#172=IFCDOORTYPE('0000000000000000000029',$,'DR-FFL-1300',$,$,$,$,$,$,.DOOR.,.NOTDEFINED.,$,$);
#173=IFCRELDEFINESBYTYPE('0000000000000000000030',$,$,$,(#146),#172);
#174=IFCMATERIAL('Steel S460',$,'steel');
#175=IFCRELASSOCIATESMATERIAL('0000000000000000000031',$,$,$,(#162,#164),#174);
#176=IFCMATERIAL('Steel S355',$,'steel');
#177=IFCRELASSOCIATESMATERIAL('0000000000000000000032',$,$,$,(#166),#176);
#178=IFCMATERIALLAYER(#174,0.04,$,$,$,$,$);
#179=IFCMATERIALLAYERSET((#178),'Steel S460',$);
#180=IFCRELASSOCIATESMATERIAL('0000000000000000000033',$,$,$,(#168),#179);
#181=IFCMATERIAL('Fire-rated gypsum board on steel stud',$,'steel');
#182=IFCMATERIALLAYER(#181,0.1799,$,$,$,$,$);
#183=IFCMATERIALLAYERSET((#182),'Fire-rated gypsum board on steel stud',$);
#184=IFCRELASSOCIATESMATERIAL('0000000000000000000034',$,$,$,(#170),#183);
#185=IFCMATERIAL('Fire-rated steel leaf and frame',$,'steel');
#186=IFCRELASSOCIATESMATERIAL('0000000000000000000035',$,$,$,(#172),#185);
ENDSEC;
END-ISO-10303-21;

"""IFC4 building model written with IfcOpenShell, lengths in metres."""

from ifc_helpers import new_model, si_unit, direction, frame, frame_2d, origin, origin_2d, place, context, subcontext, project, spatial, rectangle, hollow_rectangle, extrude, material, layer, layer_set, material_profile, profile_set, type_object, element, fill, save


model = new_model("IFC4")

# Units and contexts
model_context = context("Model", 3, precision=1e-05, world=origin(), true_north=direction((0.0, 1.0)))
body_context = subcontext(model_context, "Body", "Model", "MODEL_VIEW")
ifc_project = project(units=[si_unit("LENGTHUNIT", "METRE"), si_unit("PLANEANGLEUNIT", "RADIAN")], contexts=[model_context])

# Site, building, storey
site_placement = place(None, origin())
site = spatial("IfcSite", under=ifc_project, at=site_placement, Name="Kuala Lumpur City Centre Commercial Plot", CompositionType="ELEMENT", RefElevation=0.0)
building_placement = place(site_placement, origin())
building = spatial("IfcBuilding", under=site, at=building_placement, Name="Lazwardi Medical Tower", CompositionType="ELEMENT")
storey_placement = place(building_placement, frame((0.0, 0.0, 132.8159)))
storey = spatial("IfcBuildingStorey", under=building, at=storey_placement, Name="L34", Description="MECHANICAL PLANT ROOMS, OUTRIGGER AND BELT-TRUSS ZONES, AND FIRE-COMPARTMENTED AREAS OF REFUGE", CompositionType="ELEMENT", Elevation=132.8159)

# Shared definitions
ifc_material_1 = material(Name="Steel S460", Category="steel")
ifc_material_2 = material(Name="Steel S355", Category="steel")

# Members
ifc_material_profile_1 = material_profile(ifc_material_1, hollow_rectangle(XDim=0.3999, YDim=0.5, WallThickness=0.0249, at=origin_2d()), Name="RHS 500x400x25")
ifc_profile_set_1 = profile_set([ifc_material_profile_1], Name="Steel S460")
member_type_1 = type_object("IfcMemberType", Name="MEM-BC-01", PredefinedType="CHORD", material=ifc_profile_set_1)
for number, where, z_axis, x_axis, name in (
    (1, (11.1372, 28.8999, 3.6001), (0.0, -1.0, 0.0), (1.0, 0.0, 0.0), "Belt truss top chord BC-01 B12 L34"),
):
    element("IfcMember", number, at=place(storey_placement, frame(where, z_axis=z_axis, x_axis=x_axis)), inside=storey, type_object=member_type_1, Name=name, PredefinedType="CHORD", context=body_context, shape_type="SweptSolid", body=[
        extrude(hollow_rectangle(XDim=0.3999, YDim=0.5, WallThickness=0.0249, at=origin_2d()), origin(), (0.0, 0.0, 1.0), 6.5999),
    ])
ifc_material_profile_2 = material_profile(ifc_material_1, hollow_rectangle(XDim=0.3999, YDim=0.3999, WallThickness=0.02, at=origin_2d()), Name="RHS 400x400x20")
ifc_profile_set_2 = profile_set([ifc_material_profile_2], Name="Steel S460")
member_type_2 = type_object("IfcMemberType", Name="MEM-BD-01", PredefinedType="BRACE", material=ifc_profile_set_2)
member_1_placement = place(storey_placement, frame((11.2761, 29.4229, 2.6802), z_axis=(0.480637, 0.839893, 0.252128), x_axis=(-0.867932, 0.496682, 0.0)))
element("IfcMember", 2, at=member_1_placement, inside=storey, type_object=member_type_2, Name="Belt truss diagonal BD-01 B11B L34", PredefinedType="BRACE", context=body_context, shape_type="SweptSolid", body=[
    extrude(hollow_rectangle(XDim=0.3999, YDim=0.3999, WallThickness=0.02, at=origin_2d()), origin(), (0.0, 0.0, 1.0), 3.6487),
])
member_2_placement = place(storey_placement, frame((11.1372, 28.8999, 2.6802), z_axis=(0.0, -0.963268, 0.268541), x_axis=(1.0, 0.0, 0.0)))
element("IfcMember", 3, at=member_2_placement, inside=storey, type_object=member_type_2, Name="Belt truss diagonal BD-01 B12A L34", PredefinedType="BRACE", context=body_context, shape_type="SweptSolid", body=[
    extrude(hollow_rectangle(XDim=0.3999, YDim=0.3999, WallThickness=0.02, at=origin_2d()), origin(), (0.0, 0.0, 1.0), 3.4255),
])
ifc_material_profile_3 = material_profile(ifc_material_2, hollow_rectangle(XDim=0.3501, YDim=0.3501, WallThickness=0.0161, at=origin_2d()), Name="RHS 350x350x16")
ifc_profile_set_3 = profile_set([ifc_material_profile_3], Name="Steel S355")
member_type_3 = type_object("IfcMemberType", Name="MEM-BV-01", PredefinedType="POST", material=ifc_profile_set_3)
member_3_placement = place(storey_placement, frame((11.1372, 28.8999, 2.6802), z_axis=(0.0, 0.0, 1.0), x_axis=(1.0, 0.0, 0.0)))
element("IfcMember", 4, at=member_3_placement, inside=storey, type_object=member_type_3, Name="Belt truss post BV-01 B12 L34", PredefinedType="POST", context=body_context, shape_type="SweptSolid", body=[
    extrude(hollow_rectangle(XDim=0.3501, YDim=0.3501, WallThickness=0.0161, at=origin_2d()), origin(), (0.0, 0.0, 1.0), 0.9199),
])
========================================================================
Your answer must be an exact transcription of all the data above.

• [SOLUTION TO THIS PROBLEM]
#172=IFCDOORTYPE('0000000000000000000029',$,'DR-FFL-1300',$,$,$,$,$,$,.DOOR.,.NOTDEFINED.,$,$);
#173=IFCRELDEFINESBYTYPE('0000000000000000000030',$,$,$,(#146),#172);
#174=IFCMATERIAL('Steel S460',$,'steel');
#175=IFCRELASSOCIATESMATERIAL('0000000000000000000031',$,$,$,(#162,#164),#174);
#176=IFCMATERIAL('Steel S355',$,'steel');
#177=IFCRELASSOCIATESMATERIAL('0000000000000000000032',$,$,$,(#166),#176);
#178=IFCMATERIALLAYER(#174,0.04,$,$,$,$,$);
#179=IFCMATERIALLAYERSET((#178),'Steel S460',$);
#180=IFCRELASSOCIATESMATERIAL('0000000000000000000033',$,$,$,(#168),#179);
#181=IFCMATERIAL('Fire-rated gypsum board on steel stud',$,'steel');
#182=IFCMATERIALLAYER(#181,0.1799,$,$,$,$,$);
#183=IFCMATERIALLAYERSET((#182),'Fire-rated gypsum board on steel stud',$);
#184=IFCRELASSOCIATESMATERIAL('0000000000000000000034',$,$,$,(#170),#183);
#185=IFCMATERIAL('Fire-rated steel leaf and frame',$,'steel');
#186=IFCRELASSOCIATESMATERIAL('0000000000000000000035',$,$,$,(#172),#185);
ENDSEC;
END-ISO-10303-21;

"""IFC4 building model written with IfcOpenShell, lengths in metres."""

from ifc_helpers import new_model, si_unit, direction, frame, frame_2d, origin, origin_2d, place, context, subcontext, project, spatial, rectangle, hollow_rectangle, extrude, material, layer, layer_set, material_profile, profile_set, type_object, element, fill, save


model = new_model("IFC4")

# Units and contexts
model_context = context("Model", 3, precision=1e-05, world=origin(), true_north=direction((0.0, 1.0)))
body_context = subcontext(model_context, "Body", "Model", "MODEL_VIEW")
ifc_project = project(units=[si_unit("LENGTHUNIT", "METRE"), si_unit("PLANEANGLEUNIT", "RADIAN")], contexts=[model_context])

# Site, building, storey
site_placement = place(None, origin())
site = spatial("IfcSite", under=ifc_project, at=site_placement, Name="Kuala Lumpur City Centre Commercial Plot", CompositionType="ELEMENT", RefElevation=0.0)
building_placement = place(site_placement, origin())
building = spatial("IfcBuilding", under=site, at=building_placement, Name="Lazwardi Medical Tower", CompositionType="ELEMENT")
storey_placement = place(building_placement, frame((0.0, 0.0, 132.8159)))
storey = spatial("IfcBuildingStorey", under=building, at=storey_placement, Name="L34", Description="MECHANICAL PLANT ROOMS, OUTRIGGER AND BELT-TRUSS ZONES, AND FIRE-COMPARTMENTED AREAS OF REFUGE", CompositionType="ELEMENT", Elevation=132.8159)

# Shared definitions
ifc_material_1 = material(Name="Steel S460", Category="steel")
ifc_material_2 = material(Name="Steel S355", Category="steel")

# Members
ifc_material_profile_1 = material_profile(ifc_material_1, hollow_rectangle(XDim=0.3999, YDim=0.5, WallThickness=0.0249, at=origin_2d()), Name="RHS 500x400x25")
ifc_profile_set_1 = profile_set([ifc_material_profile_1], Name="Steel S460")
member_type_1 = type_object("IfcMemberType", Name="MEM-BC-01", PredefinedType="CHORD", material=ifc_profile_set_1)
for number, where, z_axis, x_axis, name in (
    (1, (11.1372, 28.8999, 3.6001), (0.0, -1.0, 0.0), (1.0, 0.0, 0.0), "Belt truss top chord BC-01 B12 L34"),
):
    element("IfcMember", number, at=place(storey_placement, frame(where, z_axis=z_axis, x_axis=x_axis)), inside=storey, type_object=member_type_1, Name=name, PredefinedType="CHORD", context=body_context, shape_type="SweptSolid", body=[
        extrude(hollow_rectangle(XDim=0.3999, YDim=0.5, WallThickness=0.0249, at=origin_2d()), origin(), (0.0, 0.0, 1.0), 6.5999),
    ])
ifc_material_profile_2 = material_profile(ifc_material_1, hollow_rectangle(XDim=0.3999, YDim=0.3999, WallThickness=0.02, at=origin_2d()), Name="RHS 400x400x20")
ifc_profile_set_2 = profile_set([ifc_material_profile_2], Name="Steel S460")
member_type_2 = type_object("IfcMemberType", Name="MEM-BD-01", PredefinedType="BRACE", material=ifc_profile_set_2)
member_1_placement = place(storey_placement, frame((11.2761, 29.4229, 2.6802), z_axis=(0.480637, 0.839893, 0.252128), x_axis=(-0.867932, 0.496682, 0.0)))
element("IfcMember", 2, at=member_1_placement, inside=storey, type_object=member_type_2, Name="Belt truss diagonal BD-01 B11B L34", PredefinedType="BRACE", context=body_context, shape_type="SweptSolid", body=[
    extrude(hollow_rectangle(XDim=0.3999, YDim=0.3999, WallThickness=0.02, at=origin_2d()), origin(), (0.0, 0.0, 1.0), 3.6487),
])
member_2_placement = place(storey_placement, frame((11.1372, 28.8999, 2.6802), z_axis=(0.0, -0.963268, 0.268541), x_axis=(1.0, 0.0, 0.0)))
element("IfcMember", 3, at=member_2_placement, inside=storey, type_object=member_type_2, Name="Belt truss diagonal BD-01 B12A L34", PredefinedType="BRACE", context=body_context, shape_type="SweptSolid", body=[
    extrude(hollow_rectangle(XDim=0.3999, YDim=0.3999, WallThickness=0.02, at=origin_2d()), origin(), (0.0, 0.0, 1.0), 3.4255),
])
ifc_material_profile_3 = material_profile(ifc_material_2, hollow_rectangle(XDim=0.3501, YDim=0.3501, WallThickness=0.0161, at=origin_2d()), Name="RHS 350x350x16")
ifc_profile_set_3 = profile_set([ifc_material_profile_3], Name="Steel S355")
member_type_3 = type_object("IfcMemberType", Name="MEM-BV-01", PredefinedType="POST", material=ifc_profile_set_3)
member_3_placement = place(storey_placement, frame((11.1372, 28.8999, 2.6802), z_axis=(0.0, 0.0, 1.0), x_axis=(1.0, 0.0, 0.0)))
element("IfcMember", 4, at=member_3_placement, inside=storey, type_object=member_type_3, Name="Belt truss post BV-01 B12 L34", PredefinedType="POST", context=body_context, shape_type="SweptSolid", body=[
    extrude(hollow_rectangle(XDim=0.3501, YDim=0.3501, WallThickness=0.0161, at=origin_2d()), origin(), (0.0, 0.0, 1.0), 0.9199),
])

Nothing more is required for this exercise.